- Your objective
Could you reproduce all of the records exactly?

*** Supplied records Section Begins ***

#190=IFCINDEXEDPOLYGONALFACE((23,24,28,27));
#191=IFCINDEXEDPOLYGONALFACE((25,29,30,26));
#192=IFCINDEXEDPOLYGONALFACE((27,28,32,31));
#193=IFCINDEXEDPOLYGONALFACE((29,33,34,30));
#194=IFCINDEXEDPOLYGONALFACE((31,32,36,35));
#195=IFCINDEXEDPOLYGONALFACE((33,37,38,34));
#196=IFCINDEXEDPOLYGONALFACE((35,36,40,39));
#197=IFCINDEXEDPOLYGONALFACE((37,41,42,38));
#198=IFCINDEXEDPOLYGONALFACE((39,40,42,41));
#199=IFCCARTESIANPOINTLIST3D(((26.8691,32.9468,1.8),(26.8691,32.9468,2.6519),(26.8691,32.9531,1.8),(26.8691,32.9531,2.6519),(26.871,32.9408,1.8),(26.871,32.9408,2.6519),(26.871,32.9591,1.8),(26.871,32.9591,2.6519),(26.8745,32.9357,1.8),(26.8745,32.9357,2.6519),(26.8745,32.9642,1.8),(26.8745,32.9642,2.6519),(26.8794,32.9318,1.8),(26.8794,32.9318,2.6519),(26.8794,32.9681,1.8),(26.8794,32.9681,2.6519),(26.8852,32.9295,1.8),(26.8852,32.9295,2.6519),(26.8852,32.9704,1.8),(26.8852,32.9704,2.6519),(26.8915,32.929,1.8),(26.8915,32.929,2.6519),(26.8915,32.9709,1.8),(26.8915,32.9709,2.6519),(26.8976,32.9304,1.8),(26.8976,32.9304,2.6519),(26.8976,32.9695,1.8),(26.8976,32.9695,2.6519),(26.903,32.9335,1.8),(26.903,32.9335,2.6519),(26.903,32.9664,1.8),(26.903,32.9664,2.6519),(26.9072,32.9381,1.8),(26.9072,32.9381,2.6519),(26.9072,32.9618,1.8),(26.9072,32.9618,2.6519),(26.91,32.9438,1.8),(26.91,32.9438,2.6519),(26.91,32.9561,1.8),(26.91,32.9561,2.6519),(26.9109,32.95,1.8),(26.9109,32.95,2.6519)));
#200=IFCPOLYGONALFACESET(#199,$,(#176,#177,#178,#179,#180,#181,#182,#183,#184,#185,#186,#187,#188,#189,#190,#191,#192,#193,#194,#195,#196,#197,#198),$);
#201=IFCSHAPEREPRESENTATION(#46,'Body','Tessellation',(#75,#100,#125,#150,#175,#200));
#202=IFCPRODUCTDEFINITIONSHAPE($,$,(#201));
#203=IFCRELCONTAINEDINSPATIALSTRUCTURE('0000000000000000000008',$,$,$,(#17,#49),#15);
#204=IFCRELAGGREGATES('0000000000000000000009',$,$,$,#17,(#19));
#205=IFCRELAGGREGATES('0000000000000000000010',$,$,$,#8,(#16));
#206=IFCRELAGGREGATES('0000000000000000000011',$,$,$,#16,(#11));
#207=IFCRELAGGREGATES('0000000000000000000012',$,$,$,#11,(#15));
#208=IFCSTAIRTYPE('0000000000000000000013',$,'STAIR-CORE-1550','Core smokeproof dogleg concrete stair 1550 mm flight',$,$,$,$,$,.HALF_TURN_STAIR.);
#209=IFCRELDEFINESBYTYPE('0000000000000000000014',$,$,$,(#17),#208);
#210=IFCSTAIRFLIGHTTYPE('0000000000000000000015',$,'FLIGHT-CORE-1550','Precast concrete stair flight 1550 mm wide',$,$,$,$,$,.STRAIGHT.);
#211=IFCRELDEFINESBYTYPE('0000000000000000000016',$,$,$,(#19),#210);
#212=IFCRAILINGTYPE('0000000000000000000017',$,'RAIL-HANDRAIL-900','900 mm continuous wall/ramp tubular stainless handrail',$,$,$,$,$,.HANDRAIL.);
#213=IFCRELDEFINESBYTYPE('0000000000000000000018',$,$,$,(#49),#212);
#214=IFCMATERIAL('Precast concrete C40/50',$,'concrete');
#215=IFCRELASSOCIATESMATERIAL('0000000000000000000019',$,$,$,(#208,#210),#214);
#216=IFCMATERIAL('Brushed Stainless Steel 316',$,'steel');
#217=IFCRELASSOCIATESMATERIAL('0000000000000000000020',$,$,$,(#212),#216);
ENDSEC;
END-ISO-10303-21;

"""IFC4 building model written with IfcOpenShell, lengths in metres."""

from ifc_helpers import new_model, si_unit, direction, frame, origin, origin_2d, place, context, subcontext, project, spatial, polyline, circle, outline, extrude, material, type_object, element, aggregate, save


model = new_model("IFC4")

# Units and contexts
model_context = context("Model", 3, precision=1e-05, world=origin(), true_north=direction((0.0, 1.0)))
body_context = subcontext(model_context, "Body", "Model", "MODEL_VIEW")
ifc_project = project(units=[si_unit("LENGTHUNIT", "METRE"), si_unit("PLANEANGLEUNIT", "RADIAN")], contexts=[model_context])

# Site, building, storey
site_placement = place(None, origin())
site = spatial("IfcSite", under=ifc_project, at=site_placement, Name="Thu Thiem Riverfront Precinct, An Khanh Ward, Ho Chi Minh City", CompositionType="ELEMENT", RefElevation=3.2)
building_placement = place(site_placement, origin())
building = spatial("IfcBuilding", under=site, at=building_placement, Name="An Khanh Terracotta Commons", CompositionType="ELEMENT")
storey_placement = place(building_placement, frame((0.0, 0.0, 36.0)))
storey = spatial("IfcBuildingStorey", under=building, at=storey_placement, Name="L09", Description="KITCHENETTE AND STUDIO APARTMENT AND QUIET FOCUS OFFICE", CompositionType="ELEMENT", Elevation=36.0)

*** Supplied records Section Ends ***

- Solution
#190=IFCINDEXEDPOLYGONALFACE((23,24,28,27));
#191=IFCINDEXEDPOLYGONALFACE((25,29,30,26));
#192=IFCINDEXEDPOLYGONALFACE((27,28,32,31));
#193=IFCINDEXEDPOLYGONALFACE((29,33,34,30));
#194=IFCINDEXEDPOLYGONALFACE((31,32,36,35));
#195=IFCINDEXEDPOLYGONALFACE((33,37,38,34));
#196=IFCINDEXEDPOLYGONALFACE((35,36,40,39));
#197=IFCINDEXEDPOLYGONALFACE((37,41,42,38));
#198=IFCINDEXEDPOLYGONALFACE((39,40,42,41));
#199=IFCCARTESIANPOINTLIST3D(((26.8691,32.9468,1.8),(26.8691,32.9468,2.6519),(26.8691,32.9531,1.8),(26.8691,32.9531,2.6519),(26.871,32.9408,1.8),(26.871,32.9408,2.6519),(26.871,32.9591,1.8),(26.871,32.9591,2.6519),(26.8745,32.9357,1.8),(26.8745,32.9357,2.6519),(26.8745,32.9642,1.8),(26.8745,32.9642,2.6519),(26.8794,32.9318,1.8),(26.8794,32.9318,2.6519),(26.8794,32.9681,1.8),(26.8794,32.9681,2.6519),(26.8852,32.9295,1.8),(26.8852,32.9295,2.6519),(26.8852,32.9704,1.8),(26.8852,32.9704,2.6519),(26.8915,32.929,1.8),(26.8915,32.929,2.6519),(26.8915,32.9709,1.8),(26.8915,32.9709,2.6519),(26.8976,32.9304,1.8),(26.8976,32.9304,2.6519),(26.8976,32.9695,1.8),(26.8976,32.9695,2.6519),(26.903,32.9335,1.8),(26.903,32.9335,2.6519),(26.903,32.9664,1.8),(26.903,32.9664,2.6519),(26.9072,32.9381,1.8),(26.9072,32.9381,2.6519),(26.9072,32.9618,1.8),(26.9072,32.9618,2.6519),(26.91,32.9438,1.8),(26.91,32.9438,2.6519),(26.91,32.9561,1.8),(26.91,32.9561,2.6519),(26.9109,32.95,1.8),(26.9109,32.95,2.6519)));
#200=IFCPOLYGONALFACESET(#199,$,(#176,#177,#178,#179,#180,#181,#182,#183,#184,#185,#186,#187,#188,#189,#190,#191,#192,#193,#194,#195,#196,#197,#198),$);
#201=IFCSHAPEREPRESENTATION(#46,'Body','Tessellation',(#75,#100,#125,#150,#175,#200));
#202=IFCPRODUCTDEFINITIONSHAPE($,$,(#201));
#203=IFCRELCONTAINEDINSPATIALSTRUCTURE('0000000000000000000008',$,$,$,(#17,#49),#15);
#204=IFCRELAGGREGATES('0000000000000000000009',$,$,$,#17,(#19));
#205=IFCRELAGGREGATES('0000000000000000000010',$,$,$,#8,(#16));
#206=IFCRELAGGREGATES('0000000000000000000011',$,$,$,#16,(#11));
#207=IFCRELAGGREGATES('0000000000000000000012',$,$,$,#11,(#15));
#208=IFCSTAIRTYPE('0000000000000000000013',$,'STAIR-CORE-1550','Core smokeproof dogleg concrete stair 1550 mm flight',$,$,$,$,$,.HALF_TURN_STAIR.);
#209=IFCRELDEFINESBYTYPE('0000000000000000000014',$,$,$,(#17),#208);
#210=IFCSTAIRFLIGHTTYPE('0000000000000000000015',$,'FLIGHT-CORE-1550','Precast concrete stair flight 1550 mm wide',$,$,$,$,$,.STRAIGHT.);
#211=IFCRELDEFINESBYTYPE('0000000000000000000016',$,$,$,(#19),#210);
#212=IFCRAILINGTYPE('0000000000000000000017',$,'RAIL-HANDRAIL-900','900 mm continuous wall/ramp tubular stainless handrail',$,$,$,$,$,.HANDRAIL.);
#213=IFCRELDEFINESBYTYPE('0000000000000000000018',$,$,$,(#49),#212);
#214=IFCMATERIAL('Precast concrete C40/50',$,'concrete');
#215=IFCRELASSOCIATESMATERIAL('0000000000000000000019',$,$,$,(#208,#210),#214);
#216=IFCMATERIAL('Brushed Stainless Steel 316',$,'steel');
#217=IFCRELASSOCIATESMATERIAL('0000000000000000000020',$,$,$,(#212),#216);
ENDSEC;
END-ISO-10303-21;

"""IFC4 building model written with IfcOpenShell, lengths in metres."""

from ifc_helpers import new_model, si_unit, direction, frame, origin, origin_2d, place, context, subcontext, project, spatial, polyline, circle, outline, extrude, material, type_object, element, aggregate, save


model = new_model("IFC4")

# Units and contexts
model_context = context("Model", 3, precision=1e-05, world=origin(), true_north=direction((0.0, 1.0)))
body_context = subcontext(model_context, "Body", "Model", "MODEL_VIEW")
ifc_project = project(units=[si_unit("LENGTHUNIT", "METRE"), si_unit("PLANEANGLEUNIT", "RADIAN")], contexts=[model_context])

# Site, building, storey
site_placement = place(None, origin())
site = spatial("IfcSite", under=ifc_project, at=site_placement, Name="Thu Thiem Riverfront Precinct, An Khanh Ward, Ho Chi Minh City", CompositionType="ELEMENT", RefElevation=3.2)
building_placement = place(site_placement, origin())
building = spatial("IfcBuilding", under=site, at=building_placement, Name="An Khanh Terracotta Commons", CompositionType="ELEMENT")
storey_placement = place(building_placement, frame((0.0, 0.0, 36.0)))
storey = spatial("IfcBuildingStorey", under=building, at=storey_placement, Name="L09", Description="KITCHENETTE AND STUDIO APARTMENT AND QUIET FOCUS OFFICE", CompositionType="ELEMENT", Elevation=36.0)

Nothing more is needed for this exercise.